• DIRECTIONS FOR THIS TASK:
Exact reproduction required: the lines below from the line with "#68=IFCINDEXEDPOLYGONALFACE((17,21,22,18));" to the line with "#73=IFCINDEXEDPOLYGONALFACE((27,28,32,31));", both ends included, and no others.
◆ ◆ ◆ ◆ ◆
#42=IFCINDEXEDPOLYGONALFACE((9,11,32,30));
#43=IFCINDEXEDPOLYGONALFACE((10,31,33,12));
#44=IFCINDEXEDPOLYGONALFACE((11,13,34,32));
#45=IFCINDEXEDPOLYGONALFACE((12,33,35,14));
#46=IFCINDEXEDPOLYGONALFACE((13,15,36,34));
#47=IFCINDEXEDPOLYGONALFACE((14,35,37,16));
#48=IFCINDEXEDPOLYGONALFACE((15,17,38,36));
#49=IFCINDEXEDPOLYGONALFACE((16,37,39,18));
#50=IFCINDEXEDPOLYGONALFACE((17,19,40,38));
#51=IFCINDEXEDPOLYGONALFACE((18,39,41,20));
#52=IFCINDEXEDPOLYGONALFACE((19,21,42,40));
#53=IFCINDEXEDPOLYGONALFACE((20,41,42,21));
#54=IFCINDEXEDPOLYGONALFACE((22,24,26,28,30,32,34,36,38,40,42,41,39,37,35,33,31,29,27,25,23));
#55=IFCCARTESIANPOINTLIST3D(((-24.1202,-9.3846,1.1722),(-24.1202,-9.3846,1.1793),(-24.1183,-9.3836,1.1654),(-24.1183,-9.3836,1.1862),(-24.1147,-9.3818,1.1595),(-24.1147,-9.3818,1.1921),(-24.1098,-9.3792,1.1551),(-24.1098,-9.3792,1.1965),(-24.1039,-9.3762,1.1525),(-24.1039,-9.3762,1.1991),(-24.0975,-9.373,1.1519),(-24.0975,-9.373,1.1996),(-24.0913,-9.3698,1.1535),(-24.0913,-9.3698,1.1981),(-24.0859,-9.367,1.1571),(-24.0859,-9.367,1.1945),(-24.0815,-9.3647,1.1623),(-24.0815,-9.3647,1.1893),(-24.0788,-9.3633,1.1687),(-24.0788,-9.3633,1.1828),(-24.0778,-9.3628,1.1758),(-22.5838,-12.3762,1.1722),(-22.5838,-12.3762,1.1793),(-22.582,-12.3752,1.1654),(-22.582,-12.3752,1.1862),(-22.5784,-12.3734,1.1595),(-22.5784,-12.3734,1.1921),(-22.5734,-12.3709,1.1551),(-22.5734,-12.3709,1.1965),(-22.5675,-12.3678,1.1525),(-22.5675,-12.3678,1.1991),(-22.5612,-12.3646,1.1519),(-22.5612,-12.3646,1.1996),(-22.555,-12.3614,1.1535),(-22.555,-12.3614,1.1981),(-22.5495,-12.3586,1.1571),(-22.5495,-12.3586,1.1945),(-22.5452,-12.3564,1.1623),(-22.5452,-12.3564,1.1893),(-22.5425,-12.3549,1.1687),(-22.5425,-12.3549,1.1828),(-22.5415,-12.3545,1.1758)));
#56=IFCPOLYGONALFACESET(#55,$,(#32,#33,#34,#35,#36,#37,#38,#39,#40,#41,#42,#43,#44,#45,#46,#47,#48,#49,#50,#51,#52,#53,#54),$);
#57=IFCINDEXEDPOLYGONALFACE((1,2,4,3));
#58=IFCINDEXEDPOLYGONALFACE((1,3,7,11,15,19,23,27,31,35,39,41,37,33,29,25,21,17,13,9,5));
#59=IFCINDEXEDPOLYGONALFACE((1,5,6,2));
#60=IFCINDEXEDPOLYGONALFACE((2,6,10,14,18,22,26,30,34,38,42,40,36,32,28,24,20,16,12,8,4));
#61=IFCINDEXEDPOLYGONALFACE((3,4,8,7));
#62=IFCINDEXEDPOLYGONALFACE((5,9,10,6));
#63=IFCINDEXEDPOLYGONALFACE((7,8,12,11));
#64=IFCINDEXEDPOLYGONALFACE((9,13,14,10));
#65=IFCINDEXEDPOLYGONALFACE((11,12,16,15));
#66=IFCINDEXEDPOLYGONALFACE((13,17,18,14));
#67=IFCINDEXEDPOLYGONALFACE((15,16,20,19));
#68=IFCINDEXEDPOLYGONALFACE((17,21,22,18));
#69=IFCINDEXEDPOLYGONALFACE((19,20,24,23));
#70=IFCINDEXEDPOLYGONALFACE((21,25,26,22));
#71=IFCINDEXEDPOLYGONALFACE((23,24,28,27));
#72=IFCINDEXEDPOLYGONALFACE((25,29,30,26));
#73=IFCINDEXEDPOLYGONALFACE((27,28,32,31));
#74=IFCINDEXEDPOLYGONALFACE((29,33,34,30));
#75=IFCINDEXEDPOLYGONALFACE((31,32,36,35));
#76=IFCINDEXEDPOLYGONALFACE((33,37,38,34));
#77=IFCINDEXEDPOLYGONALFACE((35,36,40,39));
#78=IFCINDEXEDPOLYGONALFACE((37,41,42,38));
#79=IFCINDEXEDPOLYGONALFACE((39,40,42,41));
◆ ◆ ◆ ◆ ◆
• OUTPUT FOR THIS TASK:
#68=IFCINDEXEDPOLYGONALFACE((17,21,22,18));
#69=IFCINDEXEDPOLYGONALFACE((19,20,24,23));
#70=IFCINDEXEDPOLYGONALFACE((21,25,26,22));
#71=IFCINDEXEDPOLYGONALFACE((23,24,28,27));
#72=IFCINDEXEDPOLYGONALFACE((25,29,30,26));
#73=IFCINDEXEDPOLYGONALFACE((27,28,32,31));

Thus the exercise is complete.